Records for this exercise:

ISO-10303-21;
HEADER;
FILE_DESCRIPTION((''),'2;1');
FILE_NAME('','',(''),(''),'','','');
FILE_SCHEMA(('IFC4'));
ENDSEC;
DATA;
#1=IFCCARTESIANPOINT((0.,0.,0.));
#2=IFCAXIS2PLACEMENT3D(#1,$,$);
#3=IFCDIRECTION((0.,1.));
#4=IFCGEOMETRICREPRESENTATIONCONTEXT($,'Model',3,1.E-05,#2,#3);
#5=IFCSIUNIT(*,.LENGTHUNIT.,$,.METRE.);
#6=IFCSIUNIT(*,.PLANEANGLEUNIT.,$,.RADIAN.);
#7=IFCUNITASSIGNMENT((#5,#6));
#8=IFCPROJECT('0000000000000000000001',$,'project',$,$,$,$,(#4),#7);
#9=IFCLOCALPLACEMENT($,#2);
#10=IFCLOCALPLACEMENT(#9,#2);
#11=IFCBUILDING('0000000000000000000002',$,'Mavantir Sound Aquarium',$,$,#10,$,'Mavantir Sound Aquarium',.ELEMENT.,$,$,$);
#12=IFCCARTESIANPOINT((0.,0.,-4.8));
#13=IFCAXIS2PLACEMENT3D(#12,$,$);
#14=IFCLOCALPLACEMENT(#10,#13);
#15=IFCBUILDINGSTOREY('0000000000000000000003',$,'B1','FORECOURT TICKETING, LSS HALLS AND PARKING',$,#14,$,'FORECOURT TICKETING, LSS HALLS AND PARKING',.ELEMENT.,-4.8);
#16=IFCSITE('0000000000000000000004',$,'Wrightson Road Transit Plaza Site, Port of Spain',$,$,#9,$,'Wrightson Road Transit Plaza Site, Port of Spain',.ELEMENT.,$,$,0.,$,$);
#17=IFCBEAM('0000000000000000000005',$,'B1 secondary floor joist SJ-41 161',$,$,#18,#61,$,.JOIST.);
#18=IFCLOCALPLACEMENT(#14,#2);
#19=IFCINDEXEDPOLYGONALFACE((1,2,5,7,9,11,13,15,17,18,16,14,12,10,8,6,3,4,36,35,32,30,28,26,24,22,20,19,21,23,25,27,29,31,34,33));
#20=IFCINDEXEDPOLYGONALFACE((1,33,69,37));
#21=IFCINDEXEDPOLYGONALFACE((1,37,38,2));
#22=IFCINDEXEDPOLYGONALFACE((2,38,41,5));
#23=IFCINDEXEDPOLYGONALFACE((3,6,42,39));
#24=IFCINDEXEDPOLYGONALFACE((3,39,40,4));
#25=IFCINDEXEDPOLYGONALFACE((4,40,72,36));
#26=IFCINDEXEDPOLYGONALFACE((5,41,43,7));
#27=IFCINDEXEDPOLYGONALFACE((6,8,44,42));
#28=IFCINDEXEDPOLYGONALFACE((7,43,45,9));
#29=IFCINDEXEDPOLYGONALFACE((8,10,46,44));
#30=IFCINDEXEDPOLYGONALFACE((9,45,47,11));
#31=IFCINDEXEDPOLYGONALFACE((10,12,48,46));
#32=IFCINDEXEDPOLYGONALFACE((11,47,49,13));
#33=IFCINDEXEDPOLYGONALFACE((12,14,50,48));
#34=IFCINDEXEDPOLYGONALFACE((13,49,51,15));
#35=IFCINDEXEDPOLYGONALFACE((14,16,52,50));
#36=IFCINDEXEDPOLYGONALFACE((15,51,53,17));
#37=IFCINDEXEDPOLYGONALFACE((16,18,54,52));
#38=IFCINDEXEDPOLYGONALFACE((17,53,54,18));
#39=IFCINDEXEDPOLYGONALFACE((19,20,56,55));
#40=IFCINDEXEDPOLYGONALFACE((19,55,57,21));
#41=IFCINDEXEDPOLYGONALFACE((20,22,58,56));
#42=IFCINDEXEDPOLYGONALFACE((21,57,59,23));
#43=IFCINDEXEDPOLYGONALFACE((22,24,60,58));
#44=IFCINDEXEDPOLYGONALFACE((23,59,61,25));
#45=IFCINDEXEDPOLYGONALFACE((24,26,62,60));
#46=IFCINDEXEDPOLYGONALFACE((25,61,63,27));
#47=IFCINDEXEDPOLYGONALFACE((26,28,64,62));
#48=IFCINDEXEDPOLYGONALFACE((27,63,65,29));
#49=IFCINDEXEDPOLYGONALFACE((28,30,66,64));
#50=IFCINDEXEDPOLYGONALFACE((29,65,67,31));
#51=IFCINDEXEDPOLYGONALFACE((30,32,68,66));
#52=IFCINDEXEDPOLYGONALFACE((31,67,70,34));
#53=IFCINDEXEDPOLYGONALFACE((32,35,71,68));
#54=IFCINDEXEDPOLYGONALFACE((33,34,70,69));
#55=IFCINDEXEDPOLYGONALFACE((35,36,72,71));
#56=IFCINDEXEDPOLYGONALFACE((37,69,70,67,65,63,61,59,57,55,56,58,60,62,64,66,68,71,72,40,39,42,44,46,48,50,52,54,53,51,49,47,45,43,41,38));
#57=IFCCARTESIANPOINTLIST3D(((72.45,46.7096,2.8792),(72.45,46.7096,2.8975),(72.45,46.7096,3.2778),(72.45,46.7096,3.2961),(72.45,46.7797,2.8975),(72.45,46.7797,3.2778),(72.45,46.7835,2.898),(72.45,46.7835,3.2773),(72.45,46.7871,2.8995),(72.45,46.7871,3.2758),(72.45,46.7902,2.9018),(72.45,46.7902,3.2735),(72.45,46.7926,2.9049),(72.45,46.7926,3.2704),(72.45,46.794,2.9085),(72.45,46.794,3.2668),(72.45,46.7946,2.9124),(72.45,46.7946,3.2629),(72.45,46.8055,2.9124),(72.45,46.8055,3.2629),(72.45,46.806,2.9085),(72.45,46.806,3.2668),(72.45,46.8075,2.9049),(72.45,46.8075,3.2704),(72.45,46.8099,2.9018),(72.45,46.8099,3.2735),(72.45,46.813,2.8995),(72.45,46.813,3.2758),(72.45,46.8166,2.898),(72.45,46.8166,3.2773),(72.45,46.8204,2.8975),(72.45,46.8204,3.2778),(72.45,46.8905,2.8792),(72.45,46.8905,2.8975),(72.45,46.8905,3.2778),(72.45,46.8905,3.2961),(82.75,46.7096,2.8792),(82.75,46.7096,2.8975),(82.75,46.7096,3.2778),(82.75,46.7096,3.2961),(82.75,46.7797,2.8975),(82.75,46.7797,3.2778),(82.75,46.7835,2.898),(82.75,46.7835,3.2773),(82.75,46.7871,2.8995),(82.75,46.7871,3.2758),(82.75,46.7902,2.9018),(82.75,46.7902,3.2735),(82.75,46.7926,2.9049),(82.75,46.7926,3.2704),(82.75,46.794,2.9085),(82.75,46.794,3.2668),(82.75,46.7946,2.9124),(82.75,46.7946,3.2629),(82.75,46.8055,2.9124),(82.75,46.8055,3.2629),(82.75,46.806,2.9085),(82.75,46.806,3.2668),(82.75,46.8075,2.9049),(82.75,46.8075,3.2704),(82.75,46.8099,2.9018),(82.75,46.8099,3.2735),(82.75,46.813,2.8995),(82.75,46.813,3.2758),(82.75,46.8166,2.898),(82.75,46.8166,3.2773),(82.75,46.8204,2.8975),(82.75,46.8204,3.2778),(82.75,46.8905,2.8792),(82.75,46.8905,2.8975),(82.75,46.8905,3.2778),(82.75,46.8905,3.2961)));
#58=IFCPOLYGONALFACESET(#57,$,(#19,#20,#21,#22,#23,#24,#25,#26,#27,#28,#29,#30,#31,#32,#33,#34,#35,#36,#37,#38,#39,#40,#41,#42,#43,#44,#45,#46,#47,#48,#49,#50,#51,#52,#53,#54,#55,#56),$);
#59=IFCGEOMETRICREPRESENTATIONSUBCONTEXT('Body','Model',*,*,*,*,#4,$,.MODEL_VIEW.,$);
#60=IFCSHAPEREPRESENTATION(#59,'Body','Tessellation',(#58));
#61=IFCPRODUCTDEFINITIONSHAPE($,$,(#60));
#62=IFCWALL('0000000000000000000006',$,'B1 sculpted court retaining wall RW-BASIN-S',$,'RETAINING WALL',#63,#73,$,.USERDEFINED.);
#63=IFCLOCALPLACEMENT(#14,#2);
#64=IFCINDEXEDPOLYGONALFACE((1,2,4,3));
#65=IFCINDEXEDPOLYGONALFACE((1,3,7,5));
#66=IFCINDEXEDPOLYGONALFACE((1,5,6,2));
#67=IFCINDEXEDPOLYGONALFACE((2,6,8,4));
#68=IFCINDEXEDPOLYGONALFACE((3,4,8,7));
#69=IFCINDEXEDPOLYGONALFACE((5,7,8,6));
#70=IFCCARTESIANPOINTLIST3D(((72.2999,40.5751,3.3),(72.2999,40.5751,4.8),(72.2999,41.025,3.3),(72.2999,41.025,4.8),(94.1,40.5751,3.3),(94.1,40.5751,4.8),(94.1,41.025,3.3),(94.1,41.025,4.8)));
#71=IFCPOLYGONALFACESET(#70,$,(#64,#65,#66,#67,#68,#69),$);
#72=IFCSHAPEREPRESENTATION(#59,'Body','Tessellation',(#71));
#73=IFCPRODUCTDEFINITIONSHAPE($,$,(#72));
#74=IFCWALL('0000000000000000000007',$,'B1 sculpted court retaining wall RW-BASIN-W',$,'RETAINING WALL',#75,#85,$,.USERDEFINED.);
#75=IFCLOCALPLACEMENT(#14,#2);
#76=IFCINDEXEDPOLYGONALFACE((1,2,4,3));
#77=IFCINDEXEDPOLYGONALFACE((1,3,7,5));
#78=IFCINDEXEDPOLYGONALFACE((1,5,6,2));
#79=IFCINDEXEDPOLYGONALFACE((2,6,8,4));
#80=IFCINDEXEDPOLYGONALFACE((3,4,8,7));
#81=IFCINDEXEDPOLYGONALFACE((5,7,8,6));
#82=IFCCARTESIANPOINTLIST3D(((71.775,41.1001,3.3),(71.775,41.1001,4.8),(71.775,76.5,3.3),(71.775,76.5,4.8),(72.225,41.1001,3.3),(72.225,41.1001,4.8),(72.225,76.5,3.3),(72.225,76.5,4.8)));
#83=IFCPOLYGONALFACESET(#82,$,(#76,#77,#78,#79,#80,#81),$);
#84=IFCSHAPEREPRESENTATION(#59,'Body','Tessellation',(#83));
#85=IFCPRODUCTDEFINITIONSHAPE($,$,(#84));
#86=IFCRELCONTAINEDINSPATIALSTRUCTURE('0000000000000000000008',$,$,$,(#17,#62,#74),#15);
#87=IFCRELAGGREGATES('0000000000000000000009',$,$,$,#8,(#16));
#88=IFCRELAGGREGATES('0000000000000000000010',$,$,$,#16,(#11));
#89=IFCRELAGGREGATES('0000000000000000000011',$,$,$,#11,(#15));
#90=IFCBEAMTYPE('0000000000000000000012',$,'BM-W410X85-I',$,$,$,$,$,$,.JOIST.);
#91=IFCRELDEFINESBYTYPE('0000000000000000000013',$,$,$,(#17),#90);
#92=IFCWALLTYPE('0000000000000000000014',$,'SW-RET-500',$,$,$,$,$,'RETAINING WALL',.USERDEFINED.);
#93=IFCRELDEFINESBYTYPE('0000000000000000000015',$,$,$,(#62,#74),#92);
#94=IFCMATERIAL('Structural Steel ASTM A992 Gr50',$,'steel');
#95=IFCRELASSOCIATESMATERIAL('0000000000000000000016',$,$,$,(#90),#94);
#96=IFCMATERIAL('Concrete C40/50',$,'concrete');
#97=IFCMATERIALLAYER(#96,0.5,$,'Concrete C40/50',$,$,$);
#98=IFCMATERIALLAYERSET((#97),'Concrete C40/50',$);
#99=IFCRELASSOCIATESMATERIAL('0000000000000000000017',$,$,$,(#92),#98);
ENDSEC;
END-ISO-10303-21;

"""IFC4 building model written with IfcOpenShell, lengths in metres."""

from ifc_helpers import new_model, si_unit, direction, frame, frame_2d, origin, origin_2d, place, context, subcontext, project, spatial, rectangle, i_section, extrude, material, layer, layer_set, material_profile, profile_set, type_object, element, save


model = new_model("IFC4")

# Units and contexts
model_context = context("Model", 3, precision=1e-05, world=origin(), true_north=direction((0.0, 1.0)))
body_context = subcontext(model_context, "Body", "Model", "MODEL_VIEW")
ifc_project = project(units=[si_unit("LENGTHUNIT", "METRE"), si_unit("PLANEANGLEUNIT", "RADIAN")], contexts=[model_context])

# Site, building, storey
site_placement = place(None, origin())
site = spatial("IfcSite", under=ifc_project, at=site_placement, Name="Wrightson Road Transit Plaza Site, Port of Spain", LongName="Wrightson Road Transit Plaza Site, Port of Spain", CompositionType="ELEMENT", RefElevation=0.0)
building_placement = place(site_placement, origin())
building = spatial("IfcBuilding", under=site, at=building_placement, Name="Mavantir Sound Aquarium", LongName="Mavantir Sound Aquarium", CompositionType="ELEMENT")
storey_placement = place(building_placement, frame((0.0, 0.0, -4.8)))
storey = spatial("IfcBuildingStorey", under=building, at=storey_placement, Name="B1", Description="FORECOURT TICKETING, LSS HALLS AND PARKING", LongName="FORECOURT TICKETING, LSS HALLS AND PARKING", CompositionType="ELEMENT", Elevation=-4.8)

# Shared definitions
ifc_material_1 = material(Name="Concrete C40/50", Category="concrete")

# Beam
ifc_material_2 = material(Name="Structural Steel ASTM A992 Gr50", Category="steel")
ifc_material_profile_1 = material_profile(ifc_material_2, i_section(OverallWidth=0.1809, OverallDepth=0.417, WebThickness=0.011, FlangeThickness=0.0183, FilletRadius=0.0149, at=origin_2d()), Name="W410X85")
ifc_profile_set_1 = profile_set([ifc_material_profile_1], Name="Structural Steel ASTM A992 Gr50")
beam_type_1 = type_object("IfcBeamType", Name="BM-W410X85-I", PredefinedType="JOIST", material=ifc_profile_set_1)
beam_1_placement = place(storey_placement, frame((72.45, 46.8, 3.0876), z_axis=(1.0, 0.0, 0.0), x_axis=(0.0, 1.0, 0.0)))
element("IfcBeam", 1, at=beam_1_placement, inside=storey, type_object=beam_type_1, Name="B1 secondary floor joist SJ-41 161", PredefinedType="JOIST", context=body_context, shape_type="SweptSolid", body=[
    extrude(i_section(OverallWidth=0.1809, OverallDepth=0.417, WebThickness=0.011, FlangeThickness=0.0183, FilletRadius=0.0149, at=origin_2d()), origin(), (0.0, 0.0, 1.0), 10.3),
])

# Walls
ifc_layer = layer(ifc_material_1, 0.5, Name="Concrete C40/50")
ifc_layer_set = layer_set([ifc_layer], Name="Concrete C40/50")
wall_type = type_object("IfcWallType", Name="SW-RET-500", ElementType="RETAINING WALL", PredefinedType="USERDEFINED", material=ifc_layer_set)
wall_1_placement = place(storey_placement, frame((72.3, 40.8, 3.3), z_axis=(0.0, 0.0, 1.0), x_axis=(1.0, 0.0, 0.0)))
element("IfcWall", 2, at=wall_1_placement, inside=storey, type_object=wall_type, Name="B1 sculpted court retaining wall RW-BASIN-S", ObjectType="RETAINING WALL", PredefinedType="USERDEFINED", context=body_context, shape_type="SweptSolid", body=[
    extrude(rectangle(XDim=21.8, YDim=0.45, at=frame_2d((10.8999, 0.0))), origin(), (0.0, 0.0, 1.0), 1.5),
])
wall_2_placement = place(storey_placement, frame((72.0, 41.1001, 3.3), z_axis=(0.0, 0.0, 1.0), x_axis=(0.0, 1.0, 0.0)))
element("IfcWall", 3, at=wall_2_placement, inside=storey, type_object=wall_type, Name="B1 sculpted court retaining wall RW-BASIN-W", ObjectType="RETAINING WALL", PredefinedType="USERDEFINED", context=body_context, shape_type="SweptSolid", body=[
    extrude(rectangle(XDim=35.3999, YDim=0.45, at=frame_2d((17.7, 0.0))), origin(), (0.0, 0.0, 1.0), 1.5),
])

save(model, "model.ifc")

What is needed: Word for word, restate the lines of the data above that fall between the line holding "#49=IFCINDEXEDPOLYGONALFACE((28,30,66,64));" and the line holding "#55=IFCINDEXEDPOLYGONALFACE((35,36,72,71));", inclusive, and no other lines.

Exercise answer:
#49=IFCINDEXEDPOLYGONALFACE((28,30,66,64));
#50=IFCINDEXEDPOLYGONALFACE((29,65,67,31));
#51=IFCINDEXEDPOLYGONALFACE((30,32,68,66));
#52=IFCINDEXEDPOLYGONALFACE((31,67,70,34));
#53=IFCINDEXEDPOLYGONALFACE((32,35,71,68));
#54=IFCINDEXEDPOLYGONALFACE((33,34,70,69));
#55=IFCINDEXEDPOLYGONALFACE((35,36,72,71));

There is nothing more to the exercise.